**Exercise prompt**
Transcribe word for word the lines below from the line with "#85=IFCINDEXEDPOLYGONALFACE((27,28,32,31));" through the line with "#91=IFCINDEXEDPOLYGONALFACE((39,40,42,41));", ends included.

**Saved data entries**
Content starts

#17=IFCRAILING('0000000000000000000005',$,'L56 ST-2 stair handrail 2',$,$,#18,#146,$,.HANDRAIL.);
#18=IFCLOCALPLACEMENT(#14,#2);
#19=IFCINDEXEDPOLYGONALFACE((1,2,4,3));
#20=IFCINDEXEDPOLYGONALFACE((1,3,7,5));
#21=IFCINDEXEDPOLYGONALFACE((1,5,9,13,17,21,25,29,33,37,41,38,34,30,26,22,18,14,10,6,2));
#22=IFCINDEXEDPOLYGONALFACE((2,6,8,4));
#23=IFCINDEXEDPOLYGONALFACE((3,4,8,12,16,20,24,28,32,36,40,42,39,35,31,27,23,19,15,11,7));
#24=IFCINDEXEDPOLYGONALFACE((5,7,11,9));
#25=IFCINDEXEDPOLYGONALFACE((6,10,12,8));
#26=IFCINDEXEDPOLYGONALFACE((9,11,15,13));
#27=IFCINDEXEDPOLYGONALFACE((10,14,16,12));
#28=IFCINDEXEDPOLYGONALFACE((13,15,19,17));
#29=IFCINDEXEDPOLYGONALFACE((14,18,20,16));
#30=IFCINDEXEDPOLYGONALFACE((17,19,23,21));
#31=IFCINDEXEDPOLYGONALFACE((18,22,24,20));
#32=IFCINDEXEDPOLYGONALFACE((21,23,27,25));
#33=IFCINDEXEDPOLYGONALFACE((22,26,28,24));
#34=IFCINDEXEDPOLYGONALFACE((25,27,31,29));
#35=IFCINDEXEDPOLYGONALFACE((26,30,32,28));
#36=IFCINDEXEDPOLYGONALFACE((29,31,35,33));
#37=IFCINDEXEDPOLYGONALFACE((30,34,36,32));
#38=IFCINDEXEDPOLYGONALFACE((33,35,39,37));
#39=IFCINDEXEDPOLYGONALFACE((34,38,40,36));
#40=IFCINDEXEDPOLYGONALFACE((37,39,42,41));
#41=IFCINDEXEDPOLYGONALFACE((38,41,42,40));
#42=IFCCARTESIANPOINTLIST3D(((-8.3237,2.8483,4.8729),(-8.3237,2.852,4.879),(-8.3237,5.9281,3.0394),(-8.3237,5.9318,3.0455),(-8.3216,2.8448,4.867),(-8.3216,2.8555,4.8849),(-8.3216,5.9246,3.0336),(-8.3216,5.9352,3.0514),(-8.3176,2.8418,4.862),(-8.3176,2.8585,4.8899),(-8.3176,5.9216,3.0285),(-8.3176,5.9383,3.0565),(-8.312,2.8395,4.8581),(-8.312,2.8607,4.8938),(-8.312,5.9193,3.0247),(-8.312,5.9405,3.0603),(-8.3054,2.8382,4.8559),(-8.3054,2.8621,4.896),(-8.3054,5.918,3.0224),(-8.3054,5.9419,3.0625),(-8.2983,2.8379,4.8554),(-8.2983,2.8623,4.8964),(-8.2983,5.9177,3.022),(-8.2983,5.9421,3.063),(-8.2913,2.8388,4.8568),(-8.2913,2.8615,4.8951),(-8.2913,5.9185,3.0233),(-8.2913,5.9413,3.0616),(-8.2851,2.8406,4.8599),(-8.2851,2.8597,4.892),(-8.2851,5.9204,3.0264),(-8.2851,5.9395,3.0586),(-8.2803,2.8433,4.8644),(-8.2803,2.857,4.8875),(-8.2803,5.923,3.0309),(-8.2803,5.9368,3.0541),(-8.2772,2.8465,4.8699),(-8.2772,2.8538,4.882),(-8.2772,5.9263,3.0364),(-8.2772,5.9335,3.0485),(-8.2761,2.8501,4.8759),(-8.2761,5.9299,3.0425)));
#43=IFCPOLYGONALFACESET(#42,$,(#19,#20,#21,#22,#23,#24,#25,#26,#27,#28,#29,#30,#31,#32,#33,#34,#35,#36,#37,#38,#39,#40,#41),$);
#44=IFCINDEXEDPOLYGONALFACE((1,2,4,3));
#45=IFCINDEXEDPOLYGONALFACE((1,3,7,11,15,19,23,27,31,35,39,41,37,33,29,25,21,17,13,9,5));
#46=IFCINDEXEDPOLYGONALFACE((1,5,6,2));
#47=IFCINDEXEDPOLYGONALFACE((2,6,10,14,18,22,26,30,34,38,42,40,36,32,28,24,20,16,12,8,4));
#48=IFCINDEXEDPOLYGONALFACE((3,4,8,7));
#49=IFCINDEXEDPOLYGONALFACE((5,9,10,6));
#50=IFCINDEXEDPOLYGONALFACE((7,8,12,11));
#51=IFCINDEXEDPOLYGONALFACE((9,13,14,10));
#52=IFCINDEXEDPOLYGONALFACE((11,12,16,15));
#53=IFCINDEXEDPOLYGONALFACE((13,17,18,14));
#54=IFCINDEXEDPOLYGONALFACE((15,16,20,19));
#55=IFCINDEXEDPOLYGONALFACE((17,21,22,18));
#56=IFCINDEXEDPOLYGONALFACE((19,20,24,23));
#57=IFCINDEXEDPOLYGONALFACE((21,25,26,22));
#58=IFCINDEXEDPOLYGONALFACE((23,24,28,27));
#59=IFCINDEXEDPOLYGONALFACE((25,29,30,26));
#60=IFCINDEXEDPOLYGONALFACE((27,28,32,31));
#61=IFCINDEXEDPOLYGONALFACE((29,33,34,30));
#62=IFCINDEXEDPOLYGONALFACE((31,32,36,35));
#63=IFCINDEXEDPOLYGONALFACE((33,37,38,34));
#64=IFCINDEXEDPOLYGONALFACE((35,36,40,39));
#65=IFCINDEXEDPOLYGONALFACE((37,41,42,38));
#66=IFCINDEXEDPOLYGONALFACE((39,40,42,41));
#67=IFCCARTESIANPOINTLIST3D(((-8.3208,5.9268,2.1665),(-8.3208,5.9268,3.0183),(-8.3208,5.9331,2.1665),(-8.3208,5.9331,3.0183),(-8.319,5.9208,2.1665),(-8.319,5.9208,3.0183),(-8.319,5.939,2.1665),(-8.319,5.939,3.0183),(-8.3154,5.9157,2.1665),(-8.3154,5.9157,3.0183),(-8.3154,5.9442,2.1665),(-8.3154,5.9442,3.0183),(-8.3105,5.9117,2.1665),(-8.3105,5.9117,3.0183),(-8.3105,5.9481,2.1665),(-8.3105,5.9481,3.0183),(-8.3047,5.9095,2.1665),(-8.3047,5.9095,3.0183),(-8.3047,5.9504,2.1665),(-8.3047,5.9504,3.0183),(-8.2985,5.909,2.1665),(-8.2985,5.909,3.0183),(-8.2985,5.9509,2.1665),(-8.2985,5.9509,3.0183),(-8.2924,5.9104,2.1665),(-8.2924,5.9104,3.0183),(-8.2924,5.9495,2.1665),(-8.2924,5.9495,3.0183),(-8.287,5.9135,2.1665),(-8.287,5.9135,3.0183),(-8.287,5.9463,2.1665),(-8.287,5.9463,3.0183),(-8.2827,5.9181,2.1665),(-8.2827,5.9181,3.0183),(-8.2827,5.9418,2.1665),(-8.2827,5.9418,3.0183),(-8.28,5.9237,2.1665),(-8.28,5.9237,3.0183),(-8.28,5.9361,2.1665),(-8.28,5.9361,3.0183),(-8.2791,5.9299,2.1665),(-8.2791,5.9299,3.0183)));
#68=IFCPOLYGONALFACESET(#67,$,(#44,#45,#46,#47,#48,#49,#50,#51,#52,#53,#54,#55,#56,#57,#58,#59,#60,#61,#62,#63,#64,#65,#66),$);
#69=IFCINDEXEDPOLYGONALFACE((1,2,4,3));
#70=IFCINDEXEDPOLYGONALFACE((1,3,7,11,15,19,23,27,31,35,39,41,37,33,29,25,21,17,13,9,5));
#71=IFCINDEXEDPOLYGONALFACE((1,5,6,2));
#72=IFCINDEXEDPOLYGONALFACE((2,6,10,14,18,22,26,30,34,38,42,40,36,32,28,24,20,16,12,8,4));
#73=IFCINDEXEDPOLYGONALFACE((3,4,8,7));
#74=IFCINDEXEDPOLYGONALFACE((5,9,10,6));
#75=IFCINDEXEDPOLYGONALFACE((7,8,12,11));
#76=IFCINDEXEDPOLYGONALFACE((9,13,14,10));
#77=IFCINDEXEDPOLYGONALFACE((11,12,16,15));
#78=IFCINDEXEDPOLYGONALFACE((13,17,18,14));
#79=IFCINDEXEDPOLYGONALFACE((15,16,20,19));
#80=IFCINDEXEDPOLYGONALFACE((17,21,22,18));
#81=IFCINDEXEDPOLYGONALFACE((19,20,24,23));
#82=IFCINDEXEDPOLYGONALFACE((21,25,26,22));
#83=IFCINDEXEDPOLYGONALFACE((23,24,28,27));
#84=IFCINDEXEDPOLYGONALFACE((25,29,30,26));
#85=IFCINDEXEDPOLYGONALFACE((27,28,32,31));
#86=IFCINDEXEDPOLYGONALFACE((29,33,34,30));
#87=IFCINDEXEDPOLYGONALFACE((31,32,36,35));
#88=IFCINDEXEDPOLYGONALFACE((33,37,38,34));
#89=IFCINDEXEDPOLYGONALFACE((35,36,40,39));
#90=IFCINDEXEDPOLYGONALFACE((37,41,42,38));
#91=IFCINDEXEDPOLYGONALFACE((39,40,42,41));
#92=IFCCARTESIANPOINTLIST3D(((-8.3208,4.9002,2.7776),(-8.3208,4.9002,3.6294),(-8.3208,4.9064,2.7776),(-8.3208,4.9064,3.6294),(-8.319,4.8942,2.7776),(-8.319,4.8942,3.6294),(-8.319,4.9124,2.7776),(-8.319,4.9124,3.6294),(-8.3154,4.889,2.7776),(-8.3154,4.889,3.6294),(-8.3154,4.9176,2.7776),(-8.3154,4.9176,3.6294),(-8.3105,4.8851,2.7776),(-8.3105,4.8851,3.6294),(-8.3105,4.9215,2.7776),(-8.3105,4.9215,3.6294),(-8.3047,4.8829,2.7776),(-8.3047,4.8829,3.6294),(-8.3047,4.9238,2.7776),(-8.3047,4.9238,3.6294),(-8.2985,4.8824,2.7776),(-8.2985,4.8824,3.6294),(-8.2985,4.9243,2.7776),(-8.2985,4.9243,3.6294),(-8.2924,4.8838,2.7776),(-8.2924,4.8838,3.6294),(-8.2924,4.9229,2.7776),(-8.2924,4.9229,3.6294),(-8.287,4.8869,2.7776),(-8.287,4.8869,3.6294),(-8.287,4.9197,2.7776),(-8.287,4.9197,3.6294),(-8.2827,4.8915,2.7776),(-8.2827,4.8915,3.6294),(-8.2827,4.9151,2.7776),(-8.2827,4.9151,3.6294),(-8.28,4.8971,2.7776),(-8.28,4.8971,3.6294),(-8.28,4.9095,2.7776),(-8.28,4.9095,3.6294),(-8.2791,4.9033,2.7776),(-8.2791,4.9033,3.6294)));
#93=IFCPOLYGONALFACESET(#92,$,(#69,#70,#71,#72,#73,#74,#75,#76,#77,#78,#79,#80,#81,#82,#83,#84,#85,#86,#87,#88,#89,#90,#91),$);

Content ends

**Result for this exercise**
#85=IFCINDEXEDPOLYGONALFACE((27,28,32,31));
#86=IFCINDEXEDPOLYGONALFACE((29,33,34,30));
#87=IFCINDEXEDPOLYGONALFACE((31,32,36,35));
#88=IFCINDEXEDPOLYGONALFACE((33,37,38,34));
#89=IFCINDEXEDPOLYGONALFACE((35,36,40,39));
#90=IFCINDEXEDPOLYGONALFACE((37,41,42,38));
#91=IFCINDEXEDPOLYGONALFACE((39,40,42,41));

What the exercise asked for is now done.